Records from a dataset
__________

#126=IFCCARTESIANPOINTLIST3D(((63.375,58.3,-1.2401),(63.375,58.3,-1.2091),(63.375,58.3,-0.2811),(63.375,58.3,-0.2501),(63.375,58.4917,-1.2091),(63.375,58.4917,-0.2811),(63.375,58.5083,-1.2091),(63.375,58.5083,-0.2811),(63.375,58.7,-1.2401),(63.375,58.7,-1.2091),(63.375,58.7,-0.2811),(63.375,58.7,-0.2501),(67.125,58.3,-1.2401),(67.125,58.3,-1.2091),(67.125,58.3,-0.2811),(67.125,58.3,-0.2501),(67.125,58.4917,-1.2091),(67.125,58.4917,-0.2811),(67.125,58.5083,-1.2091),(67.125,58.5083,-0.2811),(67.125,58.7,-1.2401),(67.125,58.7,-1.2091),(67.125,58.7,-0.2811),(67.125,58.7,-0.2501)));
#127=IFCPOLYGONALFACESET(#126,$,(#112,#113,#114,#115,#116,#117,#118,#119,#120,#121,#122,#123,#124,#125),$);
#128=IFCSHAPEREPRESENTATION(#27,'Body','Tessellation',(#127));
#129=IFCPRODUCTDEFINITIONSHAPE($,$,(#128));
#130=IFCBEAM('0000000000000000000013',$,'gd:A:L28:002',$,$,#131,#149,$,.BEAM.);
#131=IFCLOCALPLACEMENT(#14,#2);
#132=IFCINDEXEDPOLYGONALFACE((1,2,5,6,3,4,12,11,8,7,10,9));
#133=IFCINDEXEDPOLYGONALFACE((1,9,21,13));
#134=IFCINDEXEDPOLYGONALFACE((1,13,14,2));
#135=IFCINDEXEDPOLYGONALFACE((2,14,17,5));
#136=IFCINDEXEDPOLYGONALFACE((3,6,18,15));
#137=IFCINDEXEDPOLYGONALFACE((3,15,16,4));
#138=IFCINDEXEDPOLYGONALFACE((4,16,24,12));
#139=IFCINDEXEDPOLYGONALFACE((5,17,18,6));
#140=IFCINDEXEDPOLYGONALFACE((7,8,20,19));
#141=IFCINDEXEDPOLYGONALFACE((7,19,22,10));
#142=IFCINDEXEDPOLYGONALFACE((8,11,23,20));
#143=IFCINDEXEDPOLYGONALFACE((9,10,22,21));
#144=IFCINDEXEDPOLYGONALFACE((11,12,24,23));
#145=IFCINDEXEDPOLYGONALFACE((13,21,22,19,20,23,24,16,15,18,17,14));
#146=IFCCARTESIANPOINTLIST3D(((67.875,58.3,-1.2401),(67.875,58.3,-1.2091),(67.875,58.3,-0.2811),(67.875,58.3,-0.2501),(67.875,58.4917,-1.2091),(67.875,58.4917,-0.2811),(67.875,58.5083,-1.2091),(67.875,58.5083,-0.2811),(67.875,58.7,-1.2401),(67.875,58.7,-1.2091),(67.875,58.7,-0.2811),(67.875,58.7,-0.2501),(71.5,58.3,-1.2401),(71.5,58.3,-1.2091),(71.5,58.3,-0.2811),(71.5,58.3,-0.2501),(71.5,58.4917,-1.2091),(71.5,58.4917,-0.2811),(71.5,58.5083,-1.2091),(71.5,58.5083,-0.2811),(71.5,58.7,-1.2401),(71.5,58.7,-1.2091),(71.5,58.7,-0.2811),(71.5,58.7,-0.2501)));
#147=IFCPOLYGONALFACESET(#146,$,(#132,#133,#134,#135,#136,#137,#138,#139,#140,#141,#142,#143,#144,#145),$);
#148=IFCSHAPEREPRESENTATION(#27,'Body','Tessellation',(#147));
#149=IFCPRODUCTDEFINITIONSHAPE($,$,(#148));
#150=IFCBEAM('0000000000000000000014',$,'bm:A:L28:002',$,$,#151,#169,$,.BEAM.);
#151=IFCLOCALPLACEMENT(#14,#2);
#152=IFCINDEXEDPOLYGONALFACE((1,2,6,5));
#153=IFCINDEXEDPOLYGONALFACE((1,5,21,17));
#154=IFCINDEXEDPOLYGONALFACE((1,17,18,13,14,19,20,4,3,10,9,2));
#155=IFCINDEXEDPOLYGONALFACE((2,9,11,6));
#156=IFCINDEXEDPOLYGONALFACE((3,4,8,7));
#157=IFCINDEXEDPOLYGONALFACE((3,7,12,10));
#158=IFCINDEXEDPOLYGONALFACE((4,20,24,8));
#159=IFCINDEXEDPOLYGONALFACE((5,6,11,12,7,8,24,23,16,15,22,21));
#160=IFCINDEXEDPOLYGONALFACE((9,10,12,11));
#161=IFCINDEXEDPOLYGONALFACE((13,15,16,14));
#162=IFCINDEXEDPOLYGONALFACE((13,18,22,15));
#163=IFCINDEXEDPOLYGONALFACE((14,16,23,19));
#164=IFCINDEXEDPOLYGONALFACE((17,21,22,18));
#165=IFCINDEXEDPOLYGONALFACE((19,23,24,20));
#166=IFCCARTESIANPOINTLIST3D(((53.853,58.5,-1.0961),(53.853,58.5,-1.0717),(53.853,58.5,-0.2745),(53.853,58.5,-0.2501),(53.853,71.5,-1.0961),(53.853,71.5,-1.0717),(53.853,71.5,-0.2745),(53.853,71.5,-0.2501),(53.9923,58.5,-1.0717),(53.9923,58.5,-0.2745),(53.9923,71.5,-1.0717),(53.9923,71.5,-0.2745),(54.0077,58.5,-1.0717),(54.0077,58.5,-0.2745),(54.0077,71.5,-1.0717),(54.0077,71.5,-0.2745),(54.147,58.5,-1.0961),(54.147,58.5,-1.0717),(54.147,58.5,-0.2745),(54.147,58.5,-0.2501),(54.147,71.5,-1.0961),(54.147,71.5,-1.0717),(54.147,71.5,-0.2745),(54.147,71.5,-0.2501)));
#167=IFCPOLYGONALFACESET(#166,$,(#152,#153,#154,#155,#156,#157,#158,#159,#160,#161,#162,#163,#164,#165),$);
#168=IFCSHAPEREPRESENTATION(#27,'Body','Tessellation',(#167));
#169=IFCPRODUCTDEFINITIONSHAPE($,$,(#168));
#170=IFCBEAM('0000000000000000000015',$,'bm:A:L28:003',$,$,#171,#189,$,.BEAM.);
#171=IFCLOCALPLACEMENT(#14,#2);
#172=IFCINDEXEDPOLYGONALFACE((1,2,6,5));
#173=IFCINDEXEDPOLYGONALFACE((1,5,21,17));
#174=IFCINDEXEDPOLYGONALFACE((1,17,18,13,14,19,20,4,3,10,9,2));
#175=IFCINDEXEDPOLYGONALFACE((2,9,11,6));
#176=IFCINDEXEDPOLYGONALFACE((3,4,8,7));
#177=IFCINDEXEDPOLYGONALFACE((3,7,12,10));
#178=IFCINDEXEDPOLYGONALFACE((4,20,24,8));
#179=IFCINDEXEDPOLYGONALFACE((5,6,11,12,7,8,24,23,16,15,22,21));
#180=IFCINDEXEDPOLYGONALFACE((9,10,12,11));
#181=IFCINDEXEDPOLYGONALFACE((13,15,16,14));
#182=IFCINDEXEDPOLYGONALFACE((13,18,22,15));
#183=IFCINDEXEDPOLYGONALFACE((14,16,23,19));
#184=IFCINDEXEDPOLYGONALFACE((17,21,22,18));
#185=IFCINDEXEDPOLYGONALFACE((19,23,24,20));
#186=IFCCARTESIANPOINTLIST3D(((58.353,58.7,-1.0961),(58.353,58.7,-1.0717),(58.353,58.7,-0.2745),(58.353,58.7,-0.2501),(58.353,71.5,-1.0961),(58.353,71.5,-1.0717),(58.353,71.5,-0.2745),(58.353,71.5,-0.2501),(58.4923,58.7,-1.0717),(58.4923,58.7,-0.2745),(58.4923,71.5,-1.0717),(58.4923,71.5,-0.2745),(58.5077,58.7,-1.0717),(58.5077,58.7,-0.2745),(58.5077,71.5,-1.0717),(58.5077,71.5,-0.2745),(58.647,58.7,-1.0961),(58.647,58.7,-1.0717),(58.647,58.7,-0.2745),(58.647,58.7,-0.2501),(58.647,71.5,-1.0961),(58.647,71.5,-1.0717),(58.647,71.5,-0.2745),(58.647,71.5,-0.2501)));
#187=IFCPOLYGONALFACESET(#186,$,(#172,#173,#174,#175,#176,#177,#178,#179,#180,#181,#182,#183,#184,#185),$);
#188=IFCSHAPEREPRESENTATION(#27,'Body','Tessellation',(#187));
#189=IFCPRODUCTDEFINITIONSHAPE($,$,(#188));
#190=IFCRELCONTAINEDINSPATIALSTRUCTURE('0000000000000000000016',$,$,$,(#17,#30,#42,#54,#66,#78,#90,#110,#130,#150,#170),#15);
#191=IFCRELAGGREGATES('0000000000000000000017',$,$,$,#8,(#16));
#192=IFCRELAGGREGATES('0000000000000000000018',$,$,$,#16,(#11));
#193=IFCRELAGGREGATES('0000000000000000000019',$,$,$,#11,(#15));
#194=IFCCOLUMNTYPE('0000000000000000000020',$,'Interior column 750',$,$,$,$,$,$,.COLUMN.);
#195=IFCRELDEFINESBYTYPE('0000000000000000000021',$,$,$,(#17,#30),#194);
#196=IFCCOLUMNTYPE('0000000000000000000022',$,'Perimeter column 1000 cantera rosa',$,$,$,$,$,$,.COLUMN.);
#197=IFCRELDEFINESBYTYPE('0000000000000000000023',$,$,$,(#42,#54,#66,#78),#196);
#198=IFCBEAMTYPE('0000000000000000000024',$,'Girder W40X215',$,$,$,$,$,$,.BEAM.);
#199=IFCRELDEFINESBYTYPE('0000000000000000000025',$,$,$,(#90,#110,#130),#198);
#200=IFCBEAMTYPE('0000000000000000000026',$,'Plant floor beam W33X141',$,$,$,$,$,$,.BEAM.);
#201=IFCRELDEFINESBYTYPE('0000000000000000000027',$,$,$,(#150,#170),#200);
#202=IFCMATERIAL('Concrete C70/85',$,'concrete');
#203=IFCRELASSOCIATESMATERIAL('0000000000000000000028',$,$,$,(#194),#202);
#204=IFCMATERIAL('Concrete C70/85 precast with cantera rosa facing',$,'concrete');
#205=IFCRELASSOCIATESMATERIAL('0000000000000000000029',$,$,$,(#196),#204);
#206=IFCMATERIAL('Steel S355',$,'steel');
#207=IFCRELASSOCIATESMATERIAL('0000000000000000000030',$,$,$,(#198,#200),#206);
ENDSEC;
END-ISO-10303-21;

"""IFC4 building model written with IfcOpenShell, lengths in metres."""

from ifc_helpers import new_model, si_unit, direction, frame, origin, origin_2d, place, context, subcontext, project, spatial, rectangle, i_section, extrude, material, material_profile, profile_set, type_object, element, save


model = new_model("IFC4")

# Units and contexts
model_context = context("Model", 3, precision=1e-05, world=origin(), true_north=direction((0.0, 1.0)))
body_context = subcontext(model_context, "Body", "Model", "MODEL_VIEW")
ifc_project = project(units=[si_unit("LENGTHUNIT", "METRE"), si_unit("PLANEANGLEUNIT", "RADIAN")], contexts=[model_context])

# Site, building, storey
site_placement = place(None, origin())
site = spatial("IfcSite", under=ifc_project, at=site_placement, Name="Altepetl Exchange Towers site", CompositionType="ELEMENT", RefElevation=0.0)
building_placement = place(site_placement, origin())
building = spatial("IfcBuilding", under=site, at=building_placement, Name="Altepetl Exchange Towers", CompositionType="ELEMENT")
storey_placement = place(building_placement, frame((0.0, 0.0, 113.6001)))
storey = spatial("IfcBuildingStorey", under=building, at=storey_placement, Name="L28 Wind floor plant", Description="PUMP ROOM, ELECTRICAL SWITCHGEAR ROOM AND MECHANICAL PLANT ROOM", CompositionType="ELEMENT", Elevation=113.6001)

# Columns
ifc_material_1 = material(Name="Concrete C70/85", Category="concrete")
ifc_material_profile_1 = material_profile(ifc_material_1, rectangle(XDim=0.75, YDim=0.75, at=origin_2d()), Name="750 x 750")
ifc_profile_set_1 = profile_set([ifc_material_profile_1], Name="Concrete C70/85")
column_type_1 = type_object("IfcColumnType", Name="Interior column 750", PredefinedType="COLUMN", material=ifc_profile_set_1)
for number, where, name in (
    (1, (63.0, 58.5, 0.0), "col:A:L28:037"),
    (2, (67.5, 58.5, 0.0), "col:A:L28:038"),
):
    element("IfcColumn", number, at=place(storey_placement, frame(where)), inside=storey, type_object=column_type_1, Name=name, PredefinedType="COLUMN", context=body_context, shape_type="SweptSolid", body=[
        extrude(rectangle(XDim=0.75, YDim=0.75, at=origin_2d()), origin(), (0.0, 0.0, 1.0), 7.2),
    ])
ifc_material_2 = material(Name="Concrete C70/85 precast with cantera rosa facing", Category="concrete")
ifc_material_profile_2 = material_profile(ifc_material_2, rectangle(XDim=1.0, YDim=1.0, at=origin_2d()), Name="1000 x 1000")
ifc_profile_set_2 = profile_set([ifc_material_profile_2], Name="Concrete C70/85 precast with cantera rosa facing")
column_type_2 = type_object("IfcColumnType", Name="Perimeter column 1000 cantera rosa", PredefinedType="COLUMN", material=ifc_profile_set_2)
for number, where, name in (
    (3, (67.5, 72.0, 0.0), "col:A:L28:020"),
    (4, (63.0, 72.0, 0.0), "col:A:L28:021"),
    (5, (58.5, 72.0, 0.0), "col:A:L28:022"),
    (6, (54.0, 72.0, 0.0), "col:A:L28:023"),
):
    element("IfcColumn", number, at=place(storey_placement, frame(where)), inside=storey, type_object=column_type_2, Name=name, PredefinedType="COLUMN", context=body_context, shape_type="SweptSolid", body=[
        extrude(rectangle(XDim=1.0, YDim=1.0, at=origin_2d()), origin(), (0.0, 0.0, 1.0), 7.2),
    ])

__________

What needs to be done
Using the data above, return every line that contains the string "IFCPOLYGONALFACESET".

Finished task
#127=IFCPOLYGONALFACESET(#126,$,(#112,#113,#114,#115,#116,#117,#118,#119,#120,#121,#122,#123,#124,#125),$);
#147=IFCPOLYGONALFACESET(#146,$,(#132,#133,#134,#135,#136,#137,#138,#139,#140,#141,#142,#143,#144,#145),$);
#167=IFCPOLYGONALFACESET(#166,$,(#152,#153,#154,#155,#156,#157,#158,#159,#160,#161,#162,#163,#164,#165),$);
#187=IFCPOLYGONALFACESET(#186,$,(#172,#173,#174,#175,#176,#177,#178,#179,#180,#181,#182,#183,#184,#185),$);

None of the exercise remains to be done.